(Stored dataset items)
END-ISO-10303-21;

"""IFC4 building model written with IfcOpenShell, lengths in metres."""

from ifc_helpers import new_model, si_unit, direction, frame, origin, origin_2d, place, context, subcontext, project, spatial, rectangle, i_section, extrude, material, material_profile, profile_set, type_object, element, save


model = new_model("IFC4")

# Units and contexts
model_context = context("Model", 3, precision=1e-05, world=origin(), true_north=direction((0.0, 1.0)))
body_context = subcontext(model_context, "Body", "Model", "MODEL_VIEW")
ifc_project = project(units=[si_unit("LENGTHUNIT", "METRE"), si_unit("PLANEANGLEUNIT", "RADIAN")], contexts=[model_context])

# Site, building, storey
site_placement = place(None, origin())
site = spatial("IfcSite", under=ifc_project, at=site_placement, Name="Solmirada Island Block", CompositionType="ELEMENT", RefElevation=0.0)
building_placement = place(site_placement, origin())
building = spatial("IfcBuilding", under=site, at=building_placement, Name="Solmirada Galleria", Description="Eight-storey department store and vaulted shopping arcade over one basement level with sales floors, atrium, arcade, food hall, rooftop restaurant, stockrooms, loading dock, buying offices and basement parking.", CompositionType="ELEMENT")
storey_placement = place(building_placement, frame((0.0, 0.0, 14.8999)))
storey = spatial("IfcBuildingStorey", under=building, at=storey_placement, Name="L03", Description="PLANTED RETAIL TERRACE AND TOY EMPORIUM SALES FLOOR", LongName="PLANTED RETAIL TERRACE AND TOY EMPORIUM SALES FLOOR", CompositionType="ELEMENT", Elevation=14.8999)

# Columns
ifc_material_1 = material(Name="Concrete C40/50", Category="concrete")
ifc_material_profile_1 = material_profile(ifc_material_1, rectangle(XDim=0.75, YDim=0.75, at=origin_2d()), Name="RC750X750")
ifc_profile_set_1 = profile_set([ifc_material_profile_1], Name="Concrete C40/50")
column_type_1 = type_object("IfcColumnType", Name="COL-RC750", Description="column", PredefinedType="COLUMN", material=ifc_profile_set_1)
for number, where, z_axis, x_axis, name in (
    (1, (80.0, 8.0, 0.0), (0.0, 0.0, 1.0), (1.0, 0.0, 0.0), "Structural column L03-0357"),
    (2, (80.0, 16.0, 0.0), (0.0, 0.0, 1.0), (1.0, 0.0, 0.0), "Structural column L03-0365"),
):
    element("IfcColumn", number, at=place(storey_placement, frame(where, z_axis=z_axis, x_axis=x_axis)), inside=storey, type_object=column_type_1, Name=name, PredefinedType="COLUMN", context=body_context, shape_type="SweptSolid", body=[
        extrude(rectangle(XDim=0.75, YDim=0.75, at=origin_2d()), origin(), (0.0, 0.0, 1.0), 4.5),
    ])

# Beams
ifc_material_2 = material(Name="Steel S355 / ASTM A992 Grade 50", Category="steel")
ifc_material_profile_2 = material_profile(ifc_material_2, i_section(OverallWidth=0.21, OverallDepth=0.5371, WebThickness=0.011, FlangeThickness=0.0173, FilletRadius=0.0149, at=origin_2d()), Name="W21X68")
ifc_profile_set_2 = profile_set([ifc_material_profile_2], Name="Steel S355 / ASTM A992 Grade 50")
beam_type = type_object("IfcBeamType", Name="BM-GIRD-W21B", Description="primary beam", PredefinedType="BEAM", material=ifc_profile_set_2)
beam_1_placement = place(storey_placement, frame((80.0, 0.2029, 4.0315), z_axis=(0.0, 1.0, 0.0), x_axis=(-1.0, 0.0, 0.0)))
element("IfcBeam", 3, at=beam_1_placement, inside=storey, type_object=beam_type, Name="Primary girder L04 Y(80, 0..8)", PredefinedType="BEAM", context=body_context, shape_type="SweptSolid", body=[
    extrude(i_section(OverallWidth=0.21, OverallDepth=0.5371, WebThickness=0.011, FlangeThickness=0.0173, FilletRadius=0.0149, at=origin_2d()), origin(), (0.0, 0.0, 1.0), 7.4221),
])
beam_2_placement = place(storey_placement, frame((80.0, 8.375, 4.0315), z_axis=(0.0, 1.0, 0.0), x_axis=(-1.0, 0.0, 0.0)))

--

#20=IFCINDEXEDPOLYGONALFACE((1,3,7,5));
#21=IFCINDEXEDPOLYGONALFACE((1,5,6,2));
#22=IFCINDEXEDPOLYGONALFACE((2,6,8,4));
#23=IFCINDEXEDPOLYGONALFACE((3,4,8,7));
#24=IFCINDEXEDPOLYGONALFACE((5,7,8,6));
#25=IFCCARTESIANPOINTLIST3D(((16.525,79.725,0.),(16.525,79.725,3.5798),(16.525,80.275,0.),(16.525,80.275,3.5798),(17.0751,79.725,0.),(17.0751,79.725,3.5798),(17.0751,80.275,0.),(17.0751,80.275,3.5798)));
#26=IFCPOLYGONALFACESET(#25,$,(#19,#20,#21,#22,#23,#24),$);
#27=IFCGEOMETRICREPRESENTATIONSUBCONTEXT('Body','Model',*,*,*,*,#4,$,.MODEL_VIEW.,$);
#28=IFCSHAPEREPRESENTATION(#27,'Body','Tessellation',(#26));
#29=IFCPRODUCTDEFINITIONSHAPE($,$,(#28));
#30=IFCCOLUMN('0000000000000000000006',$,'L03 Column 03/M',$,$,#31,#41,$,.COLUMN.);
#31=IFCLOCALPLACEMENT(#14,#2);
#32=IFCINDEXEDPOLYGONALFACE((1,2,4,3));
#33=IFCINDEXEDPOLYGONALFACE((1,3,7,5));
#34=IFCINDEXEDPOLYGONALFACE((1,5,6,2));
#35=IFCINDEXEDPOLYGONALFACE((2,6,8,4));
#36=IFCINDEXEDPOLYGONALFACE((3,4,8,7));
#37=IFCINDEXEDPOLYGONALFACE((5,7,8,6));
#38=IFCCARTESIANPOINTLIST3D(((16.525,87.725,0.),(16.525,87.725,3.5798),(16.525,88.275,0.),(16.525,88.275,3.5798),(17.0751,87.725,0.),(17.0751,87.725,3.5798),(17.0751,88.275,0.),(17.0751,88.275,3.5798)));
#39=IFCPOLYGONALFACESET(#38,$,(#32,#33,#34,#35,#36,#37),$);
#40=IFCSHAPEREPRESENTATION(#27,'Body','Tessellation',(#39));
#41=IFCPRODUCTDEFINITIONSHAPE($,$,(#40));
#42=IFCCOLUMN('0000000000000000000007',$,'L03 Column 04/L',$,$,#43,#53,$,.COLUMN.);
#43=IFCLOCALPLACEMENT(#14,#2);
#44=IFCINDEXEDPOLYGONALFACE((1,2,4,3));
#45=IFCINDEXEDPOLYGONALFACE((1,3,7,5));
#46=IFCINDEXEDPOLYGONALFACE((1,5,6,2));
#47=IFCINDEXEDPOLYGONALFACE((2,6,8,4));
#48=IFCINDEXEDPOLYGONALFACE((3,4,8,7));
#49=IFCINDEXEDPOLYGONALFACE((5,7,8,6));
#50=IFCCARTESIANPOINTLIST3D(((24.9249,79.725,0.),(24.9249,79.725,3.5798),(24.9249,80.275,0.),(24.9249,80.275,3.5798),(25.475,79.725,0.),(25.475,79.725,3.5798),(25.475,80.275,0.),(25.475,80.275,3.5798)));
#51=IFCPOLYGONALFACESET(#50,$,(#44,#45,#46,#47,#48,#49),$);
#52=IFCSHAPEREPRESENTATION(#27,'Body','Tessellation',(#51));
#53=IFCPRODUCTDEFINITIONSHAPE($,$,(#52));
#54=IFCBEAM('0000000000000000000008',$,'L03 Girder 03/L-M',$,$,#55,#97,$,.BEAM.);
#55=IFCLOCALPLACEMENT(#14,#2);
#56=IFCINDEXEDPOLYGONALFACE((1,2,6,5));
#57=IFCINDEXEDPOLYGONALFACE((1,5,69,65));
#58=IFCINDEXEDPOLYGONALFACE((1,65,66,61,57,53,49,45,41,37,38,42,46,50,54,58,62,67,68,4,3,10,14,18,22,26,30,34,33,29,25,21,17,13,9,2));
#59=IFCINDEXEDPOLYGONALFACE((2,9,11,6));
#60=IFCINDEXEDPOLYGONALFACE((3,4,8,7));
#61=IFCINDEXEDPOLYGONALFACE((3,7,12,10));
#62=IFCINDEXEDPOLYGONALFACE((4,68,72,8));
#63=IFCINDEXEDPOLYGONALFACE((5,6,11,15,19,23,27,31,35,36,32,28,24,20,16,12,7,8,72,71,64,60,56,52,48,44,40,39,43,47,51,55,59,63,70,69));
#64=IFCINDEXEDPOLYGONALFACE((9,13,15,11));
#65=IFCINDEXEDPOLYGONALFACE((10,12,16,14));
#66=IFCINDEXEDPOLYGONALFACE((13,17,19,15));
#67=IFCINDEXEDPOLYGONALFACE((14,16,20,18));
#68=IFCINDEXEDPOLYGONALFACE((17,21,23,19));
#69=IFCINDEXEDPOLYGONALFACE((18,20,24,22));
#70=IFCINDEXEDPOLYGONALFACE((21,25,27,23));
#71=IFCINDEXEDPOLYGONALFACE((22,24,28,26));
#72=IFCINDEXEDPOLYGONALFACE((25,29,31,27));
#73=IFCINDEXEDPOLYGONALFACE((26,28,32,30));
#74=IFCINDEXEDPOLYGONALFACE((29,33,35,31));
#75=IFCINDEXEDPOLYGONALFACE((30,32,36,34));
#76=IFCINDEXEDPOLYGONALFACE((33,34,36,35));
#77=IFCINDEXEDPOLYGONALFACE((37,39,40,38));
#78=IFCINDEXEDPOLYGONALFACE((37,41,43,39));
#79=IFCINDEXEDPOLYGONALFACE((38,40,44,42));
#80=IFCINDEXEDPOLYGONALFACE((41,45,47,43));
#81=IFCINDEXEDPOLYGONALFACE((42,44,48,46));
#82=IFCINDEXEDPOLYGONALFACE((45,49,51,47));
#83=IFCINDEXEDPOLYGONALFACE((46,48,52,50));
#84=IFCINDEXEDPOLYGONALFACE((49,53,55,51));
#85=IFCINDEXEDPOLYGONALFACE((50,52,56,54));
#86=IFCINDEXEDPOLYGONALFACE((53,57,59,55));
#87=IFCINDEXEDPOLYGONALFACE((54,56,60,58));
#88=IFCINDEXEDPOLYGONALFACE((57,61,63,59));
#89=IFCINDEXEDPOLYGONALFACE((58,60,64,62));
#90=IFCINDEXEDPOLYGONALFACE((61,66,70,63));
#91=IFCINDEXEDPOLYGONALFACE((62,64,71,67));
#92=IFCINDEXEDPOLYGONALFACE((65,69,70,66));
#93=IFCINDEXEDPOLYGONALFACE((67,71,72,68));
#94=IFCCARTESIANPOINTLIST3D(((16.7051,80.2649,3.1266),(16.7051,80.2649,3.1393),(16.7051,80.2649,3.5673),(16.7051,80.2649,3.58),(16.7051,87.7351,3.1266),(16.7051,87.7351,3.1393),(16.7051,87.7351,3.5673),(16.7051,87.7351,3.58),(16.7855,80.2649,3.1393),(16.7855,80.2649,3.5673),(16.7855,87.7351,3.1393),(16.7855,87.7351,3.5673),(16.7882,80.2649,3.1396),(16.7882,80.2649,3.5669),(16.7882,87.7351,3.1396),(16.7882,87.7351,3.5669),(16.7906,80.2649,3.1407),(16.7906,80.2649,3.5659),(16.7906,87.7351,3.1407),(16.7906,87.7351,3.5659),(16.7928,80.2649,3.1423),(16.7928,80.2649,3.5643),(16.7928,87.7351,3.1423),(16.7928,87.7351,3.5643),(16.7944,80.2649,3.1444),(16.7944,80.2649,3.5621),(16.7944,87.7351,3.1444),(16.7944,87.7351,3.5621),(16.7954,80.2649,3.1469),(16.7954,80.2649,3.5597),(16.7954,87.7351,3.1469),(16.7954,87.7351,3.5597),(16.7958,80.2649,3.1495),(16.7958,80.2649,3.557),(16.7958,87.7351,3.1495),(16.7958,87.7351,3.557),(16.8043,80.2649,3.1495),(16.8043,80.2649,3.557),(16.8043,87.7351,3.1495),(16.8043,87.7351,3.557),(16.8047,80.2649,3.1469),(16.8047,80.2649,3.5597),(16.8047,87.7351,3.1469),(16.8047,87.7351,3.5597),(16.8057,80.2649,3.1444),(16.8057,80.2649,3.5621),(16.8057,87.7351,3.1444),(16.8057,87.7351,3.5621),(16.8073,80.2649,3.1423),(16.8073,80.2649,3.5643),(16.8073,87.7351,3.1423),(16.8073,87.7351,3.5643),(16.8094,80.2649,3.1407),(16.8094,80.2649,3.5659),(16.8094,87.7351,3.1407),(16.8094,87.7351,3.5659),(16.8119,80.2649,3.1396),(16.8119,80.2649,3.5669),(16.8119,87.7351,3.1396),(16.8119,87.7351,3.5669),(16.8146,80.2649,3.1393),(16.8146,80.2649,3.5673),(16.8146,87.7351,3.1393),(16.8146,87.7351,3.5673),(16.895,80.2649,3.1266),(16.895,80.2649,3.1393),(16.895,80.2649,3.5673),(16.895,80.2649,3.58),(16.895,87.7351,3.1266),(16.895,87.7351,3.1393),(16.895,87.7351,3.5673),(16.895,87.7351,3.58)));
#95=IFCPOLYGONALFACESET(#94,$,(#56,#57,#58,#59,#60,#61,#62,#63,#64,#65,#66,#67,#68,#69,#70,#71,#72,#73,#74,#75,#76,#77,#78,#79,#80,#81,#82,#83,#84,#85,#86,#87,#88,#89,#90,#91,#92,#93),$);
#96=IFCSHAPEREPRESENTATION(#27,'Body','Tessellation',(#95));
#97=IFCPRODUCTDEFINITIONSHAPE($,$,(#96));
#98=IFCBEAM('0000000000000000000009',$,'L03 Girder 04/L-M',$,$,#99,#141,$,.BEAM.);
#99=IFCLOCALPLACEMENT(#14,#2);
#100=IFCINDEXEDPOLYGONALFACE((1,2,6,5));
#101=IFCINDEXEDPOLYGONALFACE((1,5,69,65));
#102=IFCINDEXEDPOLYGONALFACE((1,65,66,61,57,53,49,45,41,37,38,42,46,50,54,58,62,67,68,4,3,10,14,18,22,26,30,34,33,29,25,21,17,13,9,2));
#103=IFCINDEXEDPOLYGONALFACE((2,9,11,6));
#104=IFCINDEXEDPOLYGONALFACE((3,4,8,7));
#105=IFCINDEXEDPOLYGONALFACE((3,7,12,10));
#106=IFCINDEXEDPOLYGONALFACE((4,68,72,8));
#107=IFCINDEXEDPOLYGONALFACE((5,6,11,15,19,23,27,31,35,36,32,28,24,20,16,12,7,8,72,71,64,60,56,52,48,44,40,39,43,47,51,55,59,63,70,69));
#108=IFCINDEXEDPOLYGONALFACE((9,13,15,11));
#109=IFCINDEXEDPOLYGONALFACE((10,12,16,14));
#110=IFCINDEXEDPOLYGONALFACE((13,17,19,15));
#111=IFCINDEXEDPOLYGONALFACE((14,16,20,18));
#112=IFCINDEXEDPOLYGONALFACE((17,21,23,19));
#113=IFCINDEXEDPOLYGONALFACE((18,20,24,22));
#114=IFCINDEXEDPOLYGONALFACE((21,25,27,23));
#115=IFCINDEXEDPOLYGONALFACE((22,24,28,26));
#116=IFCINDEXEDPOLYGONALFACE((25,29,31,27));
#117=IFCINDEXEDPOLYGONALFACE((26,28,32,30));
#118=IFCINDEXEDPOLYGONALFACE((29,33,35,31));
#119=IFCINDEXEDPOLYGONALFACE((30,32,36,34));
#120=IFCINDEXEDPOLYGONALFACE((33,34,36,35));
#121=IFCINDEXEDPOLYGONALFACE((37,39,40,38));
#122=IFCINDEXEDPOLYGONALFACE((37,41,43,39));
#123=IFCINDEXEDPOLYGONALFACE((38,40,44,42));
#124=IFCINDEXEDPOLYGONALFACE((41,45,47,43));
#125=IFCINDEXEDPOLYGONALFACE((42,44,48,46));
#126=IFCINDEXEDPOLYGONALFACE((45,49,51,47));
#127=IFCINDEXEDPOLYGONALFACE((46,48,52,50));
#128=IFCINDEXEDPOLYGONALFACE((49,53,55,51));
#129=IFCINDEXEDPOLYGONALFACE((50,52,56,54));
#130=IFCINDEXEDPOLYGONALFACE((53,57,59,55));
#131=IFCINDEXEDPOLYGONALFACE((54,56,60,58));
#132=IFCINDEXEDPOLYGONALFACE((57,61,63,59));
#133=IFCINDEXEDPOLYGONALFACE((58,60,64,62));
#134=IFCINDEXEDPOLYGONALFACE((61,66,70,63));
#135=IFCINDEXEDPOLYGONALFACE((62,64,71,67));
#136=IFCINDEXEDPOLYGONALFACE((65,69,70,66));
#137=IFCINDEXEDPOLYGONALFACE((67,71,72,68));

---

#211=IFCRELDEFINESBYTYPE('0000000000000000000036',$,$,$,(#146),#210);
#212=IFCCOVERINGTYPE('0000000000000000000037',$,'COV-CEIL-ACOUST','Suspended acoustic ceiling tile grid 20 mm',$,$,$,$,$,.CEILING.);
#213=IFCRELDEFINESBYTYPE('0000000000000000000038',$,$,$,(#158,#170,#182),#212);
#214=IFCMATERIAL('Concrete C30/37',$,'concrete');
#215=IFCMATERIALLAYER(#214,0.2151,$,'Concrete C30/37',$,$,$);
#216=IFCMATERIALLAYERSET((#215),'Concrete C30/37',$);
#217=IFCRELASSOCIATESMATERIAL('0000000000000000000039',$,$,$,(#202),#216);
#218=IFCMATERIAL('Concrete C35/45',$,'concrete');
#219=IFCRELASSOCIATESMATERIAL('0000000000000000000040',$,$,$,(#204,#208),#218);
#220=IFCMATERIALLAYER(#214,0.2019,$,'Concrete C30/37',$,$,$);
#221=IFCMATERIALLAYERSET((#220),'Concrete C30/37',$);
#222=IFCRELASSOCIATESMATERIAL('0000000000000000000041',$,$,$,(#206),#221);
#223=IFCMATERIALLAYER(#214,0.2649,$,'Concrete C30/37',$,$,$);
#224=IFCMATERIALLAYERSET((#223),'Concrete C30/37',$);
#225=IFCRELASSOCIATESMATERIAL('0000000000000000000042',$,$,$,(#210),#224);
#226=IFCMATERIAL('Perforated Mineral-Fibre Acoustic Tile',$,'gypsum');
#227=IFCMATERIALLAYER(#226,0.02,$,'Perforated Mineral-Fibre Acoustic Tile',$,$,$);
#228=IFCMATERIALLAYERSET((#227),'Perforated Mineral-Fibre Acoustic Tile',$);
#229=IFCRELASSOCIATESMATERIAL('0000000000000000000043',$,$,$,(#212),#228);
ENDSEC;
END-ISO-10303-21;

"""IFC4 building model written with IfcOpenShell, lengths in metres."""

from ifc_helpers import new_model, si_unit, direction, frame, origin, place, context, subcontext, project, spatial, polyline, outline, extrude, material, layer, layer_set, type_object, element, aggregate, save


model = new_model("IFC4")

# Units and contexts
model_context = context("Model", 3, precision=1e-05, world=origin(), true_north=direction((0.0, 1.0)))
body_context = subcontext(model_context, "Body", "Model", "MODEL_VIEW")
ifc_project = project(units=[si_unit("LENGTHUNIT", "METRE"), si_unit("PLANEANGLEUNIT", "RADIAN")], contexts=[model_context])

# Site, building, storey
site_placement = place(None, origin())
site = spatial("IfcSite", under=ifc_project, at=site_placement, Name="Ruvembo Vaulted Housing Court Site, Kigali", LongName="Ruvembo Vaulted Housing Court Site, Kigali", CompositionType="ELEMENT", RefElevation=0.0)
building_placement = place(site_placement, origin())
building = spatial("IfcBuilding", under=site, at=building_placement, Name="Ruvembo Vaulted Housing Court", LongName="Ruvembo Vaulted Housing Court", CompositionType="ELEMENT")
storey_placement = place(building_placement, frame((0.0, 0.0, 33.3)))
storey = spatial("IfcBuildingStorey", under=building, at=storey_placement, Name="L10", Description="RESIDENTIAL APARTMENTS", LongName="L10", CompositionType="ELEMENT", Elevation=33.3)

_Try it_.
Of all the entries above, retype exactly the lines from the line with "#128=IFCINDEXEDPOLYGONALFACE((49,53,55,51));" to the line with "#137=IFCINDEXEDPOLYGONALFACE((67,71,72,68));", both included, and no others.

_Reply_.
#128=IFCINDEXEDPOLYGONALFACE((49,53,55,51));
#129=IFCINDEXEDPOLYGONALFACE((50,52,56,54));
#130=IFCINDEXEDPOLYGONALFACE((53,57,59,55));
#131=IFCINDEXEDPOLYGONALFACE((54,56,60,58));
#132=IFCINDEXEDPOLYGONALFACE((57,61,63,59));
#133=IFCINDEXEDPOLYGONALFACE((58,60,64,62));
#134=IFCINDEXEDPOLYGONALFACE((61,66,70,63));
#135=IFCINDEXEDPOLYGONALFACE((62,64,71,67));
#136=IFCINDEXEDPOLYGONALFACE((65,69,70,66));
#137=IFCINDEXEDPOLYGONALFACE((67,71,72,68));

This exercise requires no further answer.